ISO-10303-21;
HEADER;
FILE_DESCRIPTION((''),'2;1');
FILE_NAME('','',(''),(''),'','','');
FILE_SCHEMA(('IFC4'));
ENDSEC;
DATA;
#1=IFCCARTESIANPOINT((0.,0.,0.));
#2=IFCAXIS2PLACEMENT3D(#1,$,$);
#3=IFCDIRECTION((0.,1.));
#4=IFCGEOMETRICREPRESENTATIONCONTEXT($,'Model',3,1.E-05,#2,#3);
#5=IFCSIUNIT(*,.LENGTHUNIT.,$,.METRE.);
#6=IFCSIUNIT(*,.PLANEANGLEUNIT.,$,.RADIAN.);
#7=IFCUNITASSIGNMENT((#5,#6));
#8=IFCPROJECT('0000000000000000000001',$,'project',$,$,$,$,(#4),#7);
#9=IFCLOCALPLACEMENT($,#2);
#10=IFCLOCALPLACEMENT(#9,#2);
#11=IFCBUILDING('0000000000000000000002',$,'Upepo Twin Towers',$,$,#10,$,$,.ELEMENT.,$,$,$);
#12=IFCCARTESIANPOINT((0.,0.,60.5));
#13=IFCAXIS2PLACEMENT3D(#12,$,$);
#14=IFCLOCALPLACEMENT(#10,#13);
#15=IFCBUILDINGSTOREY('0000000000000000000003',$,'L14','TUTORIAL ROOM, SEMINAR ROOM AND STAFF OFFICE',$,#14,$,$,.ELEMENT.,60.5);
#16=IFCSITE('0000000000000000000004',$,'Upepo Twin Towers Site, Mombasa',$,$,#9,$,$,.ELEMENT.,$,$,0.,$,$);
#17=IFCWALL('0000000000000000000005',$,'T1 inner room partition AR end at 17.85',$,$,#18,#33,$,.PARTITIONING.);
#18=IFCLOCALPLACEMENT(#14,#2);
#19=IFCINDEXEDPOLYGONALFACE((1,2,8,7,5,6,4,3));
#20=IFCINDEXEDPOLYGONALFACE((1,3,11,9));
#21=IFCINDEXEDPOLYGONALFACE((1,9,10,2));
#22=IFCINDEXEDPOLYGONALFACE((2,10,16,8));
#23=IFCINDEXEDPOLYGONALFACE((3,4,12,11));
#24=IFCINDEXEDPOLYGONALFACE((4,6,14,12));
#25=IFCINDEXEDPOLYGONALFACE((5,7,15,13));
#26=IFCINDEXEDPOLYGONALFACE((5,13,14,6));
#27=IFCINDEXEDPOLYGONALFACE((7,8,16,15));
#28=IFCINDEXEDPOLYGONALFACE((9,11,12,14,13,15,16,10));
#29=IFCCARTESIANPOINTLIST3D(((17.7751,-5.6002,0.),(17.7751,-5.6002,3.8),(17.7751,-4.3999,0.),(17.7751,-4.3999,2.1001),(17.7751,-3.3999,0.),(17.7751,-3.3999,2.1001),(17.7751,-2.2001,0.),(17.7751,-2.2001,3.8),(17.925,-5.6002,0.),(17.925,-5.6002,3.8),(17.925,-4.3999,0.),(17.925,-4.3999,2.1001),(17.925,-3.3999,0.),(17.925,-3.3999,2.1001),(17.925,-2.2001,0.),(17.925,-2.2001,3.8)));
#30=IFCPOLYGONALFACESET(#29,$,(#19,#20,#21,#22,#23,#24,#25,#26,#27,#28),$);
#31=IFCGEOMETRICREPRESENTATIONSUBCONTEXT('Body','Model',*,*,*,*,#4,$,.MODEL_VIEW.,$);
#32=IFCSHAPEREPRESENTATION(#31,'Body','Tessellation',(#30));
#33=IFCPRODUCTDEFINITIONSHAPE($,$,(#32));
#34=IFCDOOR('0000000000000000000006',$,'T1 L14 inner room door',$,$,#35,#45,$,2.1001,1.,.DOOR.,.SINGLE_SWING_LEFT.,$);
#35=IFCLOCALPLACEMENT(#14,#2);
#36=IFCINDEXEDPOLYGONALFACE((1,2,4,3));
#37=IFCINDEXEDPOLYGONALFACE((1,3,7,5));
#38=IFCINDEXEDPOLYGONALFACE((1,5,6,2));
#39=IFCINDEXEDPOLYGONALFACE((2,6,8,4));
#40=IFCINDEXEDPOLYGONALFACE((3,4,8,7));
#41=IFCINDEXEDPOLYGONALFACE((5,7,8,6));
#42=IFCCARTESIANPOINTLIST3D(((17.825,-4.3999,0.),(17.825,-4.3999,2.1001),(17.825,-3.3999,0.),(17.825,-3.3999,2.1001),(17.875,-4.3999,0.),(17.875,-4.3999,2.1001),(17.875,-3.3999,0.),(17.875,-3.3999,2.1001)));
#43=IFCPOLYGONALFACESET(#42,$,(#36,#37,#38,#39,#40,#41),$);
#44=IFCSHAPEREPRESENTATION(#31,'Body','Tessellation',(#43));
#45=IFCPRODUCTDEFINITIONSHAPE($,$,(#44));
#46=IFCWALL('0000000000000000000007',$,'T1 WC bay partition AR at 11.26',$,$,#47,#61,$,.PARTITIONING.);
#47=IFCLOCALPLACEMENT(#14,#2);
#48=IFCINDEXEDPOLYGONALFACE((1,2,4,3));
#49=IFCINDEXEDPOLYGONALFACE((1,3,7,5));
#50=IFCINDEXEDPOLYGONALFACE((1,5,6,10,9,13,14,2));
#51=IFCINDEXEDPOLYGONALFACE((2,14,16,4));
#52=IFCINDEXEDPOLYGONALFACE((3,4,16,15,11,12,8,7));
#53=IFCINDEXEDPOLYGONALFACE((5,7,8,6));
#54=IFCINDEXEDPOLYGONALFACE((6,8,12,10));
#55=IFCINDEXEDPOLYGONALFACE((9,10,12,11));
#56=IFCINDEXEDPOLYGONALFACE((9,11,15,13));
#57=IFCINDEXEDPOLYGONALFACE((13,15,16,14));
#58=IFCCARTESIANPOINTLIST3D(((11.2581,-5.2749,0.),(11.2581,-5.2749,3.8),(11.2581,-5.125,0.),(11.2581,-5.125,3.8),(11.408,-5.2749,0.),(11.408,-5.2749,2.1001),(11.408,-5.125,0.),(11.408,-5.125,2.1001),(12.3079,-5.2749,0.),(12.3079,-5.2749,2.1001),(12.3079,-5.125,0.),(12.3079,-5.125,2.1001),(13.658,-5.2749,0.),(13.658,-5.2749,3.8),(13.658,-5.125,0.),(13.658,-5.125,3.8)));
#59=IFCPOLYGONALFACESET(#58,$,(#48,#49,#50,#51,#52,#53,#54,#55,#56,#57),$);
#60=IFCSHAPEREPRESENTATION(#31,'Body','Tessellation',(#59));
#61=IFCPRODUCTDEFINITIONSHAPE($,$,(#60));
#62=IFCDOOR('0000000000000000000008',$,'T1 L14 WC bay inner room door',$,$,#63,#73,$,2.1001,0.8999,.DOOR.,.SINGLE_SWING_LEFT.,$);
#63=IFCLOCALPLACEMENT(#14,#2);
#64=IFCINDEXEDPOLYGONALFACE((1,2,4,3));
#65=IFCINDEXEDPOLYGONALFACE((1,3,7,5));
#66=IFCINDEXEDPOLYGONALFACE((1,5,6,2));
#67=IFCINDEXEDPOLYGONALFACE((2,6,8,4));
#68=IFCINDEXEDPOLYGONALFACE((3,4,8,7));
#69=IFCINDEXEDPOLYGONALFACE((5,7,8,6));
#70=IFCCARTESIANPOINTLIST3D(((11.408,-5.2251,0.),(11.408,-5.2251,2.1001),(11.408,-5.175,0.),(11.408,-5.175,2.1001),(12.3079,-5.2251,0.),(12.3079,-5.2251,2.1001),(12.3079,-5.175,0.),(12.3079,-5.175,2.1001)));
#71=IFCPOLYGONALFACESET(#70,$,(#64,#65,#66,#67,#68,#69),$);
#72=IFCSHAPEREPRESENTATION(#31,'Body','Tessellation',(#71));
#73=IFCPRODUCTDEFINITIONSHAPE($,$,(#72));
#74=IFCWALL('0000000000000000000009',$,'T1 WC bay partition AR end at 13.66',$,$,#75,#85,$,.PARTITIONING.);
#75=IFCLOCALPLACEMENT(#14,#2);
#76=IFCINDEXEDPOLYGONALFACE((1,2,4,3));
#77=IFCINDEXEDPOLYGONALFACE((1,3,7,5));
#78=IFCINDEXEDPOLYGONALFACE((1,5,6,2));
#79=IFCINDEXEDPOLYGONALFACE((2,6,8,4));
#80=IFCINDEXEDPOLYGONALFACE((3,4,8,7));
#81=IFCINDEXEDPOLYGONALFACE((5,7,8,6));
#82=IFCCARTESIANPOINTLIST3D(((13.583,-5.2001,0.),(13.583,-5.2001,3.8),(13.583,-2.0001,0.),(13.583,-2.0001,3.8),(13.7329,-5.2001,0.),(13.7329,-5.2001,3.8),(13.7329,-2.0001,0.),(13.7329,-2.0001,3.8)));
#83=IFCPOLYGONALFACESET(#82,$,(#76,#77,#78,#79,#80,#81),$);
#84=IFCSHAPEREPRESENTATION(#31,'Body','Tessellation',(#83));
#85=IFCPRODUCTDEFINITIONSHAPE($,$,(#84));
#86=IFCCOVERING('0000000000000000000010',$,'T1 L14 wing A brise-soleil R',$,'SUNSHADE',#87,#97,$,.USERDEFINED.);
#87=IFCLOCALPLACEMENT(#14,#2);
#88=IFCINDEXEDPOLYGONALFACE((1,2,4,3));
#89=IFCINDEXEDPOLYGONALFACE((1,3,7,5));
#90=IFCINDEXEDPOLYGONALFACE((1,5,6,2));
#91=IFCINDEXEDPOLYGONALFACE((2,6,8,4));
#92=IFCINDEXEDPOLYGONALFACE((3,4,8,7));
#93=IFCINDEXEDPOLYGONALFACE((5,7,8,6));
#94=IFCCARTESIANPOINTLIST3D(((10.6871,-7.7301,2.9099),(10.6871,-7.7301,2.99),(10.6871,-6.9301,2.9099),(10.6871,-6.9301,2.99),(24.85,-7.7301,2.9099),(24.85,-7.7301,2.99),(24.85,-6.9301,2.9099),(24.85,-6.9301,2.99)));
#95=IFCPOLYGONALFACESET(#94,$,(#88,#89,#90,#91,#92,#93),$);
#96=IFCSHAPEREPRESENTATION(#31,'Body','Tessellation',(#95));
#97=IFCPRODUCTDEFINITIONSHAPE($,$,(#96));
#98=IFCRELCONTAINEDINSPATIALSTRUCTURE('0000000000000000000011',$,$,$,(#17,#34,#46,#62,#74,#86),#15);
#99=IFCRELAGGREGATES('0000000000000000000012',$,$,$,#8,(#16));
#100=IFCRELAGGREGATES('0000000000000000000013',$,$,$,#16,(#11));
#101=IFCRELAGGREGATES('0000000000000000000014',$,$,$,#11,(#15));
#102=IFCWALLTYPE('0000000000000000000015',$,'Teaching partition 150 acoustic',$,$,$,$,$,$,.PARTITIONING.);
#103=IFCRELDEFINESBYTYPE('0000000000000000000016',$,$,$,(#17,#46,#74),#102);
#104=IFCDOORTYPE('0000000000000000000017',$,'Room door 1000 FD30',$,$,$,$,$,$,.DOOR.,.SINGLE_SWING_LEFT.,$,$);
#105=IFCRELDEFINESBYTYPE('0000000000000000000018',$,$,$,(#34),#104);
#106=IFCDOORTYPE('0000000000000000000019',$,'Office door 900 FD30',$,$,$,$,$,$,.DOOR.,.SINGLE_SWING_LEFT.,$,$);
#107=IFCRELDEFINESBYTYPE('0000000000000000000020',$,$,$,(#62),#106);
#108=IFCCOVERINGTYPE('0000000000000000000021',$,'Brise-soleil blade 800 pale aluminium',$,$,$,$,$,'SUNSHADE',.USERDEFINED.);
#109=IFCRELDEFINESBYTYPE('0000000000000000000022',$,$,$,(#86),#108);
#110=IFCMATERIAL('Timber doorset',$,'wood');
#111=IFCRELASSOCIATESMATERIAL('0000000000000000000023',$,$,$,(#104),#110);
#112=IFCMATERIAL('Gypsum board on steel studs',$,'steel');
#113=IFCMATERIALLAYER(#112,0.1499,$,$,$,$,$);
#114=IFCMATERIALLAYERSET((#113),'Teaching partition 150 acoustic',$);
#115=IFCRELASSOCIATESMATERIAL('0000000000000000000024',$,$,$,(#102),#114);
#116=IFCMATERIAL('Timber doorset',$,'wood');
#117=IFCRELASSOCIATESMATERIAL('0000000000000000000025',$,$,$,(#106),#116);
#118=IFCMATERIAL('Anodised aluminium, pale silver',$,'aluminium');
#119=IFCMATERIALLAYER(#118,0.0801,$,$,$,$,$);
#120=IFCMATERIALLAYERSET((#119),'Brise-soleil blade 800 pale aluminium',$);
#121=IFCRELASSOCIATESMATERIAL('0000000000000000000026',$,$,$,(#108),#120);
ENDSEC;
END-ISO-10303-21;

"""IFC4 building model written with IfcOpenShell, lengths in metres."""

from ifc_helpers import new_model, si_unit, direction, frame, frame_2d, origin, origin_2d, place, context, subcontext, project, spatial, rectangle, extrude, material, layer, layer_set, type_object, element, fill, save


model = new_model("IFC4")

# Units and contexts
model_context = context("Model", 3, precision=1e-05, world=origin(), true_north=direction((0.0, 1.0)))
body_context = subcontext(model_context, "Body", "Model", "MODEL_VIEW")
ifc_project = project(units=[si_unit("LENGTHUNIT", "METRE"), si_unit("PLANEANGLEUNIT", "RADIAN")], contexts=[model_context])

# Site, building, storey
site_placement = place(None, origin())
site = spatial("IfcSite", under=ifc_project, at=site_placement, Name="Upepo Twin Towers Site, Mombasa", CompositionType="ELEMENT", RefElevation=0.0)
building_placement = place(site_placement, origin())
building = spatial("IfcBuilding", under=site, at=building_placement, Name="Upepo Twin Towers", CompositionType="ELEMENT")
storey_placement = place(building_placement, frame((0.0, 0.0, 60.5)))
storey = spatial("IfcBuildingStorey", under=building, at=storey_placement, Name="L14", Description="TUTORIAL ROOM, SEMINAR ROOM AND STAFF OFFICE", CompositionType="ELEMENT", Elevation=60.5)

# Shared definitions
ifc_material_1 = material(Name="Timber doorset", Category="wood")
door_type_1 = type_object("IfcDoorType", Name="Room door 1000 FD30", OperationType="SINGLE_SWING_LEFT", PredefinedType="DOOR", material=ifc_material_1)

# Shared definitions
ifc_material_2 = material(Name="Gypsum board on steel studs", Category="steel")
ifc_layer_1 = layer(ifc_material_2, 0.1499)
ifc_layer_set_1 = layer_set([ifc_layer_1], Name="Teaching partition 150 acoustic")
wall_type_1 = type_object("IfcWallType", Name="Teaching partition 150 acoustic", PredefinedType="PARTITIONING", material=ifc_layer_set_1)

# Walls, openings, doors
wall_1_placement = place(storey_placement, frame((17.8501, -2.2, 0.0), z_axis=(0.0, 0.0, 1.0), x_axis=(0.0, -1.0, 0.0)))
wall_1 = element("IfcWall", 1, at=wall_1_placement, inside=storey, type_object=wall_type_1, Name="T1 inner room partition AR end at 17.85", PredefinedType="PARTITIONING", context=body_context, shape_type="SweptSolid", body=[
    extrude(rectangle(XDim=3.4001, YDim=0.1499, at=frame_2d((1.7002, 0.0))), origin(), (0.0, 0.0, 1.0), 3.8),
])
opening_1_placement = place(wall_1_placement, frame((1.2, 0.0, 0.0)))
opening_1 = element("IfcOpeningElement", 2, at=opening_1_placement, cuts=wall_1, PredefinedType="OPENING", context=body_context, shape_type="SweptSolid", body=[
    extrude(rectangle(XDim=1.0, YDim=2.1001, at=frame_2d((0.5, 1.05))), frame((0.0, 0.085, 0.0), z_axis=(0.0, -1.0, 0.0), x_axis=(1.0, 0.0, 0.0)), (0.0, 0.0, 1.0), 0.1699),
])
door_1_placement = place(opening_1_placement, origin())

══════════

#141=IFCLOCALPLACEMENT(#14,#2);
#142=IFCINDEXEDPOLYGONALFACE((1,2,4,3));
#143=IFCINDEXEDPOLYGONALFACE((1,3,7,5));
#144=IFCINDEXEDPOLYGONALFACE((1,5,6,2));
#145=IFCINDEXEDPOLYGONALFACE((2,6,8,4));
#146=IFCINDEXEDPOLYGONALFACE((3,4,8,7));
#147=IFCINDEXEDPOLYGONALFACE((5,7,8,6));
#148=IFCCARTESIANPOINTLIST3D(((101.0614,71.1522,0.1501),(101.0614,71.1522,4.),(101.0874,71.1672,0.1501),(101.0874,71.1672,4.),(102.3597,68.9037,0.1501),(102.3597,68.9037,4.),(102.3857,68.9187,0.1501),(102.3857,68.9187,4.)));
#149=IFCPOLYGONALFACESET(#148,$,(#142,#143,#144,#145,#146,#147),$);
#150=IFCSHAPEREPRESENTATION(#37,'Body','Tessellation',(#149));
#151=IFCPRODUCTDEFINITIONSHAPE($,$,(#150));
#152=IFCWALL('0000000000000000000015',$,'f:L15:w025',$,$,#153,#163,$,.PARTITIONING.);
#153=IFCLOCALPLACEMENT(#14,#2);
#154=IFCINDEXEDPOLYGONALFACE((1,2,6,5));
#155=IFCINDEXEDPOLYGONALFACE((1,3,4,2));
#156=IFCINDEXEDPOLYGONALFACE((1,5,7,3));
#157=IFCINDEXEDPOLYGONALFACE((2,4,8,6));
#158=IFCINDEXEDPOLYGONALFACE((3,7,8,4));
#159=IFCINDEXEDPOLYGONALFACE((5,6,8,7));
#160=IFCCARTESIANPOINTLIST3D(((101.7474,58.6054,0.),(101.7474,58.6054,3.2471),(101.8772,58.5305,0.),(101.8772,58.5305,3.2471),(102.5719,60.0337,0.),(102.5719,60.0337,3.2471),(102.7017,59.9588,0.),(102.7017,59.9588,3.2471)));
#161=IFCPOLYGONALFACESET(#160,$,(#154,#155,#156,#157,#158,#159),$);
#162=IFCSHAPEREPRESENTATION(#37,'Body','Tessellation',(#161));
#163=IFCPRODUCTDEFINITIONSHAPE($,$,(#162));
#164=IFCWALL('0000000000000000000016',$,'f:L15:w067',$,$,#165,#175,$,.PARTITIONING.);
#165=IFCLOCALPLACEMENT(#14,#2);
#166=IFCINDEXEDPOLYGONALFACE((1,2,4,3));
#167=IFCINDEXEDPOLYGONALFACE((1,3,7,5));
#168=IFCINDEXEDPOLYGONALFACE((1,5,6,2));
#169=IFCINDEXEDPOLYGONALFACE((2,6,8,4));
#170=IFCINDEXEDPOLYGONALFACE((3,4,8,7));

══════════

- **TASK ITEM**: Count how many lines in the entries above hold the word "USERDEFINED". Give that number by itself.

- **THE ANSWER**: 2